■ **EXERCISE PROMPT**:
Below are entries; print them exactly from the first line through the one containing "#108=IFCINDEXEDPOLYGONALFACE((1,2,6,5));".

□ □ □ □ □

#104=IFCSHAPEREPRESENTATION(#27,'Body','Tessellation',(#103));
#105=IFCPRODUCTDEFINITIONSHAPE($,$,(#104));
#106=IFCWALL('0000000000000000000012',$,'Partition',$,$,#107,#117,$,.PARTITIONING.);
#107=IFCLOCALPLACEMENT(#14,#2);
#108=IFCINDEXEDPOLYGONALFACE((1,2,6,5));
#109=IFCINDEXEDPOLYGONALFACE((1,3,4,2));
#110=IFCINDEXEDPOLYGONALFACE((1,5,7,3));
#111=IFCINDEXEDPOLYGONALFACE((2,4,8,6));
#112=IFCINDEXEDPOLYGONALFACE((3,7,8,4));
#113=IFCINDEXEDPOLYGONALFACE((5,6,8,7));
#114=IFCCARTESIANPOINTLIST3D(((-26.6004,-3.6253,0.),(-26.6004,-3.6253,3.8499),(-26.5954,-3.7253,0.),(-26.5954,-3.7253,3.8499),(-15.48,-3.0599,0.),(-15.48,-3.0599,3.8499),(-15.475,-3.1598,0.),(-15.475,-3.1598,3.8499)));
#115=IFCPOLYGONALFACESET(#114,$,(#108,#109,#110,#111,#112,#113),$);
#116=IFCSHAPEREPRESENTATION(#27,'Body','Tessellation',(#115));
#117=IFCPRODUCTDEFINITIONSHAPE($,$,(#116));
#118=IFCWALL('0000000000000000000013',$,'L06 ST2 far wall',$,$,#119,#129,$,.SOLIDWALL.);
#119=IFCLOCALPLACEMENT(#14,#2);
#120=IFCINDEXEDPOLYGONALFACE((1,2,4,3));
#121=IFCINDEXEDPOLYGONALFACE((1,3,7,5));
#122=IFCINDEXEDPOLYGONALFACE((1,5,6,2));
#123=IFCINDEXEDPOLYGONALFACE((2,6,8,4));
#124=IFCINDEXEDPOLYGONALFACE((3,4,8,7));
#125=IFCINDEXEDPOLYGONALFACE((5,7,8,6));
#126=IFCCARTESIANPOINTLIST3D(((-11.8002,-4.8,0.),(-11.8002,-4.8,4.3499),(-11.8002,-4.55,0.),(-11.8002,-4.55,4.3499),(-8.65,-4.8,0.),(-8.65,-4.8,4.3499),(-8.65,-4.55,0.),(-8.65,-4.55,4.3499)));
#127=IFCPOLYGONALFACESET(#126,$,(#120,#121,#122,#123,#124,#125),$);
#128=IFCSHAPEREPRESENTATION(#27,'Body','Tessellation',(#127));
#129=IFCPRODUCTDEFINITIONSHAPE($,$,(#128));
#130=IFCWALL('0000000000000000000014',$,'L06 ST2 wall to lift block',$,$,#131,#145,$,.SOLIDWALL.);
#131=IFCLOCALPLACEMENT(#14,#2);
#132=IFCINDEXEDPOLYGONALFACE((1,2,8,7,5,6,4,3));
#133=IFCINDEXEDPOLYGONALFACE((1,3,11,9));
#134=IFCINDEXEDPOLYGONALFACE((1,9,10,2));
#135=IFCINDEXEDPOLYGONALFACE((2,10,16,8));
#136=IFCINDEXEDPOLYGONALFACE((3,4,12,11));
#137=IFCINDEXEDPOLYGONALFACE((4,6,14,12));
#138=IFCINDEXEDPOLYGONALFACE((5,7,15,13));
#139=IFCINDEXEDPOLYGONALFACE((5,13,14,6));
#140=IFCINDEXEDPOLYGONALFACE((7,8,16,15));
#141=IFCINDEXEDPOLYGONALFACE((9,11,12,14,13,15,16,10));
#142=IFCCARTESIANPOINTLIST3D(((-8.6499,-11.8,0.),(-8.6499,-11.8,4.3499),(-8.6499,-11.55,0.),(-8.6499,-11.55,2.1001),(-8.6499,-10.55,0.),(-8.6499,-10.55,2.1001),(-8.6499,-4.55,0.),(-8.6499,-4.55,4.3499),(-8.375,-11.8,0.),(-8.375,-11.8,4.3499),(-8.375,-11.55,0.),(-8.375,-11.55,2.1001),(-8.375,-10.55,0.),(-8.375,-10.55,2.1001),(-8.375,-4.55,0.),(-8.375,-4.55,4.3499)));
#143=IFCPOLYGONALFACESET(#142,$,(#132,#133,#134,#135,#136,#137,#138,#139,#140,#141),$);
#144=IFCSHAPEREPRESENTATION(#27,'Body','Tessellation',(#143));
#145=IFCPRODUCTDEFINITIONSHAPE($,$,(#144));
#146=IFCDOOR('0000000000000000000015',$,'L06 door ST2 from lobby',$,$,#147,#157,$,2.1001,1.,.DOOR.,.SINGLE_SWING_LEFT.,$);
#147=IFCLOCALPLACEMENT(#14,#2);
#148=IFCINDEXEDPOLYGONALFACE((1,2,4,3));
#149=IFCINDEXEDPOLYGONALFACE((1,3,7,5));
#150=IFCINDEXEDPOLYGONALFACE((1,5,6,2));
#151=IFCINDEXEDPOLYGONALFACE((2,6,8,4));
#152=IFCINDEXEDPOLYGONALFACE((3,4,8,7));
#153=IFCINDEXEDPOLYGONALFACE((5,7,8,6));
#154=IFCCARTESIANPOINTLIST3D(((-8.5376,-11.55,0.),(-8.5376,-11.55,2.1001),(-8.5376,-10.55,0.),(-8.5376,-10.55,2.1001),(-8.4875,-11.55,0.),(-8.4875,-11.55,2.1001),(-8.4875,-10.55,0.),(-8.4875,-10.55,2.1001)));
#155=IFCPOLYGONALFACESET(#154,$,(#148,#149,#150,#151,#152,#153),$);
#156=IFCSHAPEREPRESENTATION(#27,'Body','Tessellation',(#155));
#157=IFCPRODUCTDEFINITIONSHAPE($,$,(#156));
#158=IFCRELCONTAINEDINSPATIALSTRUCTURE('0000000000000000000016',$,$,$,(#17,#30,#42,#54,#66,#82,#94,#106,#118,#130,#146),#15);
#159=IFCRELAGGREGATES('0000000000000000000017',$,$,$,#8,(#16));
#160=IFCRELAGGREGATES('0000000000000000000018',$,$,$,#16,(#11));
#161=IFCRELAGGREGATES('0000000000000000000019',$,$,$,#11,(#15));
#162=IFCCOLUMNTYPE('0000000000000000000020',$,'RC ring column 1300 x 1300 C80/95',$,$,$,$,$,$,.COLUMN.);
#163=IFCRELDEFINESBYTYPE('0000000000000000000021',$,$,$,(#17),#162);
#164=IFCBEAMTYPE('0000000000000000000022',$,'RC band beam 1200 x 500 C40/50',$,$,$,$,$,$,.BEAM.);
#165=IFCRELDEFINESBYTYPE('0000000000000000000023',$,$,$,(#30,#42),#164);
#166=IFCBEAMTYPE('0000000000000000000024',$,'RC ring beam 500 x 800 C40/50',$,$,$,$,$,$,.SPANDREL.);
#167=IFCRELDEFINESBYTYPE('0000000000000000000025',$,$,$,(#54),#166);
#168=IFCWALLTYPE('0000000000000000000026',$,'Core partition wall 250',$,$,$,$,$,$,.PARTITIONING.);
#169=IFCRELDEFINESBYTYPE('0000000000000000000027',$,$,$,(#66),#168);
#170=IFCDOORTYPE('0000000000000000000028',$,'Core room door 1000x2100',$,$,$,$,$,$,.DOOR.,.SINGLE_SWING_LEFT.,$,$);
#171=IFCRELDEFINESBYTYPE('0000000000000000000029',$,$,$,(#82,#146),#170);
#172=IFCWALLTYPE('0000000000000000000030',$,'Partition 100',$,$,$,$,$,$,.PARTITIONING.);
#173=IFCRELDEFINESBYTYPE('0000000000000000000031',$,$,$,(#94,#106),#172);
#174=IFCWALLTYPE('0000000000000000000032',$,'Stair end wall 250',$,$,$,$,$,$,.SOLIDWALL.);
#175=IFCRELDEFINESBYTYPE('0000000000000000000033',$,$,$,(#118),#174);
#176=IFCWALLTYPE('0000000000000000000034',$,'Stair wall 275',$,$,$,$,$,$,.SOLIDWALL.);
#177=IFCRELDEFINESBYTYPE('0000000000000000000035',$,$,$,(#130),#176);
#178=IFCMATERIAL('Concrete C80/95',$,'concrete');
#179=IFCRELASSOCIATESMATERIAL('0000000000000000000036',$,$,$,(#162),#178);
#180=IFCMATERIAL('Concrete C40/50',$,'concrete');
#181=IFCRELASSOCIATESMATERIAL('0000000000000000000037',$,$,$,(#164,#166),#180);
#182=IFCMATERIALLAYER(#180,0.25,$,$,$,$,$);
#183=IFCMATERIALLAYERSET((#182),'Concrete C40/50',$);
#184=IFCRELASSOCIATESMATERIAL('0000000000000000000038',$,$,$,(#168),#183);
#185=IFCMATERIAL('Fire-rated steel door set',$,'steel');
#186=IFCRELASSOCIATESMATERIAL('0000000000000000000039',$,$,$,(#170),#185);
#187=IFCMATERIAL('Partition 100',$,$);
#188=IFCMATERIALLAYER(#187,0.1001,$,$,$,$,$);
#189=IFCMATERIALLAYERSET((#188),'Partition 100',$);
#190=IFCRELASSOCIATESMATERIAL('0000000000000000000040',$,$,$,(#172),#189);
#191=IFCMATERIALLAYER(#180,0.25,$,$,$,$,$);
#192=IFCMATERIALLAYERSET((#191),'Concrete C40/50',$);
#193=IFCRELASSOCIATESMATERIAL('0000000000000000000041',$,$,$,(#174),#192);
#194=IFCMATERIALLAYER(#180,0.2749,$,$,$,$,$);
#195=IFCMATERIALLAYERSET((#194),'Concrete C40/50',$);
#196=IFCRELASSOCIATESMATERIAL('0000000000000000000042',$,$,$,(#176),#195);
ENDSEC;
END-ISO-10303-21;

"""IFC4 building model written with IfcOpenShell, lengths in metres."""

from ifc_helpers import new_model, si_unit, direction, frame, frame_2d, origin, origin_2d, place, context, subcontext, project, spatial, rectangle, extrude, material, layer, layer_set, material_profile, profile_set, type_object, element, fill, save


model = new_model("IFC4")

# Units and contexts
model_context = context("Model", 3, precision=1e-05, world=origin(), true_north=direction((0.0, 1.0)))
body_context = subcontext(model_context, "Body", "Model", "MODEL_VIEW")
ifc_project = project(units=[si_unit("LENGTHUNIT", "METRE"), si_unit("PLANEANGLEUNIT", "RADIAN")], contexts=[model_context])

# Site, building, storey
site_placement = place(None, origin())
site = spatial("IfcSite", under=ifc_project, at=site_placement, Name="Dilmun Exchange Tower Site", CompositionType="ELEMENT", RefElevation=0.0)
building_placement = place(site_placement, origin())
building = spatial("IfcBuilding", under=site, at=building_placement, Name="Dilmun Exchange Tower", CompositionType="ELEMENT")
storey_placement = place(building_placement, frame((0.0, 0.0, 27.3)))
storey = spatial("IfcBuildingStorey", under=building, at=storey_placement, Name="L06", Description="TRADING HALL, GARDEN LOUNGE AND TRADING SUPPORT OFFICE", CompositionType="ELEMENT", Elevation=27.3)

□ □ □ □ □

■ **OUTPUT FOR THIS EXERCISE**:
#104=IFCSHAPEREPRESENTATION(#27,'Body','Tessellation',(#103));
#105=IFCPRODUCTDEFINITIONSHAPE($,$,(#104));
#106=IFCWALL('0000000000000000000012',$,'Partition',$,$,#107,#117,$,.PARTITIONING.);
#107=IFCLOCALPLACEMENT(#14,#2);
#108=IFCINDEXEDPOLYGONALFACE((1,2,6,5));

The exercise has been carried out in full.